START EXTRACTED ENTRIES
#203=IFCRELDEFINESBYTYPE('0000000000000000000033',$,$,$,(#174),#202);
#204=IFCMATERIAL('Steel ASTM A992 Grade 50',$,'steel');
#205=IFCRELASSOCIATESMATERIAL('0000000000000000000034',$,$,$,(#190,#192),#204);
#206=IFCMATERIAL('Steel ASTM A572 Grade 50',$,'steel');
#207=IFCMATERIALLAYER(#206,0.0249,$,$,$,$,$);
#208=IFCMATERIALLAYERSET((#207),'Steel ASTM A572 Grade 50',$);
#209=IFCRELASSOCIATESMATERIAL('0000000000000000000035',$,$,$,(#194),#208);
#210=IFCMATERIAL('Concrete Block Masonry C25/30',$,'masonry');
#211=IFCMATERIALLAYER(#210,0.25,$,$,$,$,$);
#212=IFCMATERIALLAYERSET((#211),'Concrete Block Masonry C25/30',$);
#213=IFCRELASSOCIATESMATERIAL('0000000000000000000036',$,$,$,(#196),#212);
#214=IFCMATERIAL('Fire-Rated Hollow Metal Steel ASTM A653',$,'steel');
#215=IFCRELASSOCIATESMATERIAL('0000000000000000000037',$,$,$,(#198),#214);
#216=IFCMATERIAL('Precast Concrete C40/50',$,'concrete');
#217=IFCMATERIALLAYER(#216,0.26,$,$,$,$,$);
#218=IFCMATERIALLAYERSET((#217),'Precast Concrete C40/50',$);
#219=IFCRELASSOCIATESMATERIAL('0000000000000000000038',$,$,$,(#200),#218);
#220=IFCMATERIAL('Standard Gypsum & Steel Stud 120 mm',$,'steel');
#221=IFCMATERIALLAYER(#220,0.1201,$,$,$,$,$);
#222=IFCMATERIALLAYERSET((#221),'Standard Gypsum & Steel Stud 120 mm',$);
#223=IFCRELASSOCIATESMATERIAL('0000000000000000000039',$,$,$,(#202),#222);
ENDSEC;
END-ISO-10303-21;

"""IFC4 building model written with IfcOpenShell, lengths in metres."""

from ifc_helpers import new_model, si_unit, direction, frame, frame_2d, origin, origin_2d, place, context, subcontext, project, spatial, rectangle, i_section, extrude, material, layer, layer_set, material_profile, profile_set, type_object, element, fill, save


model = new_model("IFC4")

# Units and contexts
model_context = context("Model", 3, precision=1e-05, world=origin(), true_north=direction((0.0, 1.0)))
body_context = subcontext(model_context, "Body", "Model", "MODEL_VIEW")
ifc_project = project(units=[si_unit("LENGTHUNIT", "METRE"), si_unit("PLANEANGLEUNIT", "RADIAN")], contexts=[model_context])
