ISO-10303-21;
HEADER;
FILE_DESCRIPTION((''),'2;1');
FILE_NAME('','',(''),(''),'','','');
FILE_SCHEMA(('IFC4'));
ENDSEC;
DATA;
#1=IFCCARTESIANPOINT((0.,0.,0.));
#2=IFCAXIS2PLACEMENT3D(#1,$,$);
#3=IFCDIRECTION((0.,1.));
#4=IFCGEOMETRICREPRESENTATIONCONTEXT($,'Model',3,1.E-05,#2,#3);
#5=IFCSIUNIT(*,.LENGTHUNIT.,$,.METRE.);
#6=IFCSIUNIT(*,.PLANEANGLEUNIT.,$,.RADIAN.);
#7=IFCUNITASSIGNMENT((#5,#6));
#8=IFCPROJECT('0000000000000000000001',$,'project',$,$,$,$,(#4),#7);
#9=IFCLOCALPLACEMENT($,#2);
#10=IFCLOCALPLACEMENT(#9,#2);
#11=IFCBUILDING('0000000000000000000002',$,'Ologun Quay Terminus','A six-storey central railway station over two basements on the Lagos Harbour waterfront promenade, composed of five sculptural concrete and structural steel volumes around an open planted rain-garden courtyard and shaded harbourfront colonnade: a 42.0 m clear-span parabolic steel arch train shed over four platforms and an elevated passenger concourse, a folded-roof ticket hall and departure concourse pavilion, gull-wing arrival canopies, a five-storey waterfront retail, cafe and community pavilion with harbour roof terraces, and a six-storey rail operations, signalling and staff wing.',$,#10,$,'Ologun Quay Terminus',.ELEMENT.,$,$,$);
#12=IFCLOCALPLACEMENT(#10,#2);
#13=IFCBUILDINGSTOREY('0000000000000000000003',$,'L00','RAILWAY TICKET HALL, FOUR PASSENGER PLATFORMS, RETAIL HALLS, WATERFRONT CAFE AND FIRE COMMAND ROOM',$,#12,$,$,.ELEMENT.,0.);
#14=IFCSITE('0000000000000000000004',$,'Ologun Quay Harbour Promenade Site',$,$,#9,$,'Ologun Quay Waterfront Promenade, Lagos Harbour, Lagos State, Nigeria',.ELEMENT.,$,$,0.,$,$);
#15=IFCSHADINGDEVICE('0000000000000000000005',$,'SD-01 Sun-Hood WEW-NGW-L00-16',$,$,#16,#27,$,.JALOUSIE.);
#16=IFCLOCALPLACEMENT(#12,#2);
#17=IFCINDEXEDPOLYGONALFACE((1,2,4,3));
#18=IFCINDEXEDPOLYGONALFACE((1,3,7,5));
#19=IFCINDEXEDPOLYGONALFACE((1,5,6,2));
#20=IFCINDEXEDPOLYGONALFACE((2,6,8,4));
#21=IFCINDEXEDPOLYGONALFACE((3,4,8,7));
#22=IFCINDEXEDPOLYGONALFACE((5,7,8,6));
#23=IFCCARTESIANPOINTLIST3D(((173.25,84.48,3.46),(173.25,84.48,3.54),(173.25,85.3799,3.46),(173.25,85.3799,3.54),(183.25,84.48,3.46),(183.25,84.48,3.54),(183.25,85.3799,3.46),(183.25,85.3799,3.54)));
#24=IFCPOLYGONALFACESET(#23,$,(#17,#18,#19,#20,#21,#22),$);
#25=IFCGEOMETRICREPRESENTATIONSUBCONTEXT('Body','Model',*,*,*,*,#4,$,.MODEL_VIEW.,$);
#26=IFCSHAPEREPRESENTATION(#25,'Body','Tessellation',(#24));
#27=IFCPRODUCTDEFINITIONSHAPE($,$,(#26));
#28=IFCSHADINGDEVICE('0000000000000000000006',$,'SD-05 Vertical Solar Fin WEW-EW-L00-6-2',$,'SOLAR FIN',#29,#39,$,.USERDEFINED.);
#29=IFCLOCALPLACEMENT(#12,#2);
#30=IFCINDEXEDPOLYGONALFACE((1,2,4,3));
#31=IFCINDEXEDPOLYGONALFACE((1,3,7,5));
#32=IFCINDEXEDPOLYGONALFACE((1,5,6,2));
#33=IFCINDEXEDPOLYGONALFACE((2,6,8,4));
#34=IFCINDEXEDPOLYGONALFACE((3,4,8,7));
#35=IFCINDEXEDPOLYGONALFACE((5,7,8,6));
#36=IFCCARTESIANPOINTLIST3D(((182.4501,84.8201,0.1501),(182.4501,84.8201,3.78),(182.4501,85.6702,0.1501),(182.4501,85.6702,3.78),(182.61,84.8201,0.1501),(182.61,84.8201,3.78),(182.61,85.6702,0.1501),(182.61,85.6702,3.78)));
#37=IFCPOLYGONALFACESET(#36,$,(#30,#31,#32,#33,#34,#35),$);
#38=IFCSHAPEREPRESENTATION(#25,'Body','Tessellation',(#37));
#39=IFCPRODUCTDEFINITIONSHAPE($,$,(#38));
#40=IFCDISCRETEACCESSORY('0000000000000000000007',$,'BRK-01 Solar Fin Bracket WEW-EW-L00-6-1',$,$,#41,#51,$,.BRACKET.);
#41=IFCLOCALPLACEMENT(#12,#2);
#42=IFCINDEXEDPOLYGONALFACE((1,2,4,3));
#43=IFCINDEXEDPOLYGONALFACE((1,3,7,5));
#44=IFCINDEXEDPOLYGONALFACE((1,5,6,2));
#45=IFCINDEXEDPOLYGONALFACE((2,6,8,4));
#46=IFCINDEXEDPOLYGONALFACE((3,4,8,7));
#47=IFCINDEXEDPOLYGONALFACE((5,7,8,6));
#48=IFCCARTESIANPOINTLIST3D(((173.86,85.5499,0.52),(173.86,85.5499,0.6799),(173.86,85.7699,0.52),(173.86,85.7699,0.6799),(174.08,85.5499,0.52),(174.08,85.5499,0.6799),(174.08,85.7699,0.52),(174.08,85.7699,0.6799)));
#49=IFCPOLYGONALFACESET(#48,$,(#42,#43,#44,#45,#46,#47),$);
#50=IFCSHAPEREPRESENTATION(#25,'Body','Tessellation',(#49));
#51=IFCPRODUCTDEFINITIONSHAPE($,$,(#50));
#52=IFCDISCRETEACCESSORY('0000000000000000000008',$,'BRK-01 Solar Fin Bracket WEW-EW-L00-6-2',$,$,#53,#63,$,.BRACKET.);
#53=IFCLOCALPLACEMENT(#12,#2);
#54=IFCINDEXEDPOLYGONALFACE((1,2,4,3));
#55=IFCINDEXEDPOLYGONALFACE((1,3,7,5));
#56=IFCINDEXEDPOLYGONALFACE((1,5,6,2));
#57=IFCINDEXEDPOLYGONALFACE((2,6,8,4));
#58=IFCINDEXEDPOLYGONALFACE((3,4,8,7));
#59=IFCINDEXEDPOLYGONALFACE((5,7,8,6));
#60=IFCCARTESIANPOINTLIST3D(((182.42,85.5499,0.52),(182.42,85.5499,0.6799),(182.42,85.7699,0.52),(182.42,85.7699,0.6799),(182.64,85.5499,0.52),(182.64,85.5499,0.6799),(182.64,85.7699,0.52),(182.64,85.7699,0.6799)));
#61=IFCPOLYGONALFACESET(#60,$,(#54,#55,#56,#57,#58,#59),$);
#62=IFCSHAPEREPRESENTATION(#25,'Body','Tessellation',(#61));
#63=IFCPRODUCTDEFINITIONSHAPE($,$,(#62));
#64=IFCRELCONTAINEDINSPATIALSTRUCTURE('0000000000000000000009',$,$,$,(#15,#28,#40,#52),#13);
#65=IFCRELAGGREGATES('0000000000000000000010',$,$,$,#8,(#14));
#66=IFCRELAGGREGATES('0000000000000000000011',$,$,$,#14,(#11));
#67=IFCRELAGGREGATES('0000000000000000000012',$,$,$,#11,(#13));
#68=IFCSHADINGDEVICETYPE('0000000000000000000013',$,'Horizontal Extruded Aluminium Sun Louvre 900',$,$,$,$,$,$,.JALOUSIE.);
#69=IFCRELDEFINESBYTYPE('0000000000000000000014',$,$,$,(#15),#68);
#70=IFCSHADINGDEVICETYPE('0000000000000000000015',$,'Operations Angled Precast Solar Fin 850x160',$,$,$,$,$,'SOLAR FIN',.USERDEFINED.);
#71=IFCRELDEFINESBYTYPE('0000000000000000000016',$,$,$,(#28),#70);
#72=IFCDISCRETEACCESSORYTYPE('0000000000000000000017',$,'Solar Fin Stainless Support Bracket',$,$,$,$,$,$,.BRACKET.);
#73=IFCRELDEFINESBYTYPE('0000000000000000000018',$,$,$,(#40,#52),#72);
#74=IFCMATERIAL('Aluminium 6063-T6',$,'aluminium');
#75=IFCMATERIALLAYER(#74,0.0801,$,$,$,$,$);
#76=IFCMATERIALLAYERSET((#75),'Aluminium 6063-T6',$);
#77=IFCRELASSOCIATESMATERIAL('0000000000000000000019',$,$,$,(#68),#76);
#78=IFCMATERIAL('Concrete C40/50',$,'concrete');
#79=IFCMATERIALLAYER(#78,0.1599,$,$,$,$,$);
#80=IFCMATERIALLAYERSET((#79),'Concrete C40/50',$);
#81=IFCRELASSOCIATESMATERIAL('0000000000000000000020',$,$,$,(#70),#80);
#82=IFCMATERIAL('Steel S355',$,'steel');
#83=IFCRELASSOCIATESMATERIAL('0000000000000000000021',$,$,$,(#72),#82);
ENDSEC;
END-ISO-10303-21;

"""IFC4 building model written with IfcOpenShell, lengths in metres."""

from ifc_helpers import new_model, si_unit, direction, frame, origin, origin_2d, place, context, subcontext, project, spatial, rectangle, extrude, material, layer, layer_set, type_object, element, save


model = new_model("IFC4")

# Units and contexts
model_context = context("Model", 3, precision=1e-05, world=origin(), true_north=direction((0.0, 1.0)))
body_context = subcontext(model_context, "Body", "Model", "MODEL_VIEW")
ifc_project = project(units=[si_unit("LENGTHUNIT", "METRE"), si_unit("PLANEANGLEUNIT", "RADIAN")], contexts=[model_context])

# Site, building, storey
site_placement = place(None, origin())
site = spatial("IfcSite", under=ifc_project, at=site_placement, Name="Ologun Quay Harbour Promenade Site", LongName="Ologun Quay Waterfront Promenade, Lagos Harbour, Lagos State, Nigeria", CompositionType="ELEMENT", RefElevation=0.0)
building_placement = place(site_placement, origin())
building = spatial("IfcBuilding", under=site, at=building_placement, Name="Ologun Quay Terminus", Description="A six-storey central railway station over two basements on the Lagos Harbour waterfront promenade, composed of five sculptural concrete and structural steel volumes around an open planted rain-garden courtyard and shaded harbourfront colonnade: a 42.0 m clear-span parabolic steel arch train shed over four platforms and an elevated passenger concourse, a folded-roof ticket hall and departure concourse pavilion, gull-wing arrival canopies, a five-storey waterfront retail, cafe and community pavilion with harbour roof terraces, and a six-storey rail operations, signalling and staff wing.", LongName="Ologun Quay Terminus", CompositionType="ELEMENT")
storey_placement = place(building_placement, origin())
storey = spatial("IfcBuildingStorey", under=building, at=storey_placement, Name="L00", Description="RAILWAY TICKET HALL, FOUR PASSENGER PLATFORMS, RETAIL HALLS, WATERFRONT CAFE AND FIRE COMMAND ROOM", CompositionType="ELEMENT", Elevation=0.0)

# Shading devices
ifc_material_1 = material(Name="Aluminium 6063-T6", Category="aluminium")
ifc_layer_1 = layer(ifc_material_1, 0.0801)
ifc_layer_set_1 = layer_set([ifc_layer_1], Name="Aluminium 6063-T6")
shading_device_type_1 = type_object("IfcShadingDeviceType", Name="Horizontal Extruded Aluminium Sun Louvre 900", PredefinedType="JALOUSIE", material=ifc_layer_set_1)
shading_device_1_placement = place(storey_placement, frame((178.25, 84.9299, 3.46), z_axis=(0.0, 0.0, 1.0), x_axis=(1.0, 0.0, 0.0)))
element("IfcShadingDevice", 1, at=shading_device_1_placement, inside=storey, type_object=shading_device_type_1, Name="SD-01 Sun-Hood WEW-NGW-L00-16", PredefinedType="JALOUSIE", context=body_context, shape_type="SweptSolid", body=[
    extrude(rectangle(XDim=10.0, YDim=0.8999, at=origin_2d()), origin(), (0.0, 0.0, 1.0), 0.0801),
])
ifc_material_2 = material(Name="Concrete C40/50", Category="concrete")
ifc_layer_2 = layer(ifc_material_2, 0.1599)
ifc_layer_set_2 = layer_set([ifc_layer_2], Name="Concrete C40/50")
shading_device_type_2 = type_object("IfcShadingDeviceType", Name="Operations Angled Precast Solar Fin 850x160", ElementType="SOLAR FIN", PredefinedType="USERDEFINED", material=ifc_layer_set_2)
shading_device_2_placement = place(storey_placement, frame((182.53, 85.2451, 0.1501), z_axis=(0.0, 0.0, 1.0), x_axis=(1.0, 0.0, 0.0)))
element("IfcShadingDevice", 2, at=shading_device_2_placement, inside=storey, type_object=shading_device_type_2, Name="SD-05 Vertical Solar Fin WEW-EW-L00-6-2", ObjectType="SOLAR FIN", PredefinedType="USERDEFINED", context=body_context, shape_type="SweptSolid", body=[
    extrude(rectangle(XDim=0.1599, YDim=0.8501, at=origin_2d()), origin(), (0.0, 0.0, 1.0), 3.6299),
])

# Discrete accessories
ifc_material_3 = material(Name="Steel S355", Category="steel")
discrete_accessory_type = type_object("IfcDiscreteAccessoryType", Name="Solar Fin Stainless Support Bracket", PredefinedType="BRACKET", material=ifc_material_3)
for number, where, z_axis, x_axis, name in (
    (3, (173.97, 85.6599, 0.52), (0.0, 0.0, 1.0), (1.0, 0.0, 0.0), "BRK-01 Solar Fin Bracket WEW-EW-L00-6-1"),
    (4, (182.53, 85.6599, 0.52), (0.0, 0.0, 1.0), (1.0, 0.0, 0.0), "BRK-01 Solar Fin Bracket WEW-EW-L00-6-2"),
):
    element("IfcDiscreteAccessory", number, at=place(storey_placement, frame(where, z_axis=z_axis, x_axis=x_axis)), inside=storey, type_object=discrete_accessory_type, Name=name, PredefinedType="BRACKET", context=body_context, shape_type="SweptSolid", body=[
        extrude(rectangle(XDim=0.22, YDim=0.22, at=origin_2d()), origin(), (0.0, 0.0, 1.0), 0.1599),
    ])

save(model, "model.ifc")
END EXTRACTED ENTRIES
PROBLEM DETAILS> Return, exactly, the lines from the first line of the records above to the line containing "#4=IFCGEOMETRICREPRESENTATIONCONTEXT($,'Model',3,1.E-05,#2,#3);", both included.

SOLUTION TO THE EXERCISE>
#203=IFCRELDEFINESBYTYPE('0000000000000000000033',$,$,$,(#174),#202);
#204=IFCMATERIAL('Steel ASTM A992 Grade 50',$,'steel');
#205=IFCRELASSOCIATESMATERIAL('0000000000000000000034',$,$,$,(#190,#192),#204);
#206=IFCMATERIAL('Steel ASTM A572 Grade 50',$,'steel');
#207=IFCMATERIALLAYER(#206,0.0249,$,$,$,$,$);
#208=IFCMATERIALLAYERSET((#207),'Steel ASTM A572 Grade 50',$);
#209=IFCRELASSOCIATESMATERIAL('0000000000000000000035',$,$,$,(#194),#208);
#210=IFCMATERIAL('Concrete Block Masonry C25/30',$,'masonry');
#211=IFCMATERIALLAYER(#210,0.25,$,$,$,$,$);
#212=IFCMATERIALLAYERSET((#211),'Concrete Block Masonry C25/30',$);
#213=IFCRELASSOCIATESMATERIAL('0000000000000000000036',$,$,$,(#196),#212);
#214=IFCMATERIAL('Fire-Rated Hollow Metal Steel ASTM A653',$,'steel');
#215=IFCRELASSOCIATESMATERIAL('0000000000000000000037',$,$,$,(#198),#214);
#216=IFCMATERIAL('Precast Concrete C40/50',$,'concrete');
#217=IFCMATERIALLAYER(#216,0.26,$,$,$,$,$);
#218=IFCMATERIALLAYERSET((#217),'Precast Concrete C40/50',$);
#219=IFCRELASSOCIATESMATERIAL('0000000000000000000038',$,$,$,(#200),#218);
#220=IFCMATERIAL('Standard Gypsum & Steel Stud 120 mm',$,'steel');
#221=IFCMATERIALLAYER(#220,0.1201,$,$,$,$,$);
#222=IFCMATERIALLAYERSET((#221),'Standard Gypsum & Steel Stud 120 mm',$);
#223=IFCRELASSOCIATESMATERIAL('0000000000000000000039',$,$,$,(#202),#222);
ENDSEC;
END-ISO-10303-21;

"""IFC4 building model written with IfcOpenShell, lengths in metres."""

from ifc_helpers import new_model, si_unit, direction, frame, frame_2d, origin, origin_2d, place, context, subcontext, project, spatial, rectangle, i_section, extrude, material, layer, layer_set, material_profile, profile_set, type_object, element, fill, save


model = new_model("IFC4")

# Units and contexts
model_context = context("Model", 3, precision=1e-05, world=origin(), true_north=direction((0.0, 1.0)))
body_context = subcontext(model_context, "Body", "Model", "MODEL_VIEW")
ifc_project = project(units=[si_unit("LENGTHUNIT", "METRE"), si_unit("PLANEANGLEUNIT", "RADIAN")], contexts=[model_context])
ISO-10303-21;
HEADER;
FILE_DESCRIPTION((''),'2;1');
FILE_NAME('','',(''),(''),'','','');
FILE_SCHEMA(('IFC4'));
ENDSEC;
DATA;
#1=IFCCARTESIANPOINT((0.,0.,0.));
#2=IFCAXIS2PLACEMENT3D(#1,$,$);
#3=IFCDIRECTION((0.,1.));
#4=IFCGEOMETRICREPRESENTATIONCONTEXT($,'Model',3,1.E-05,#2,#3);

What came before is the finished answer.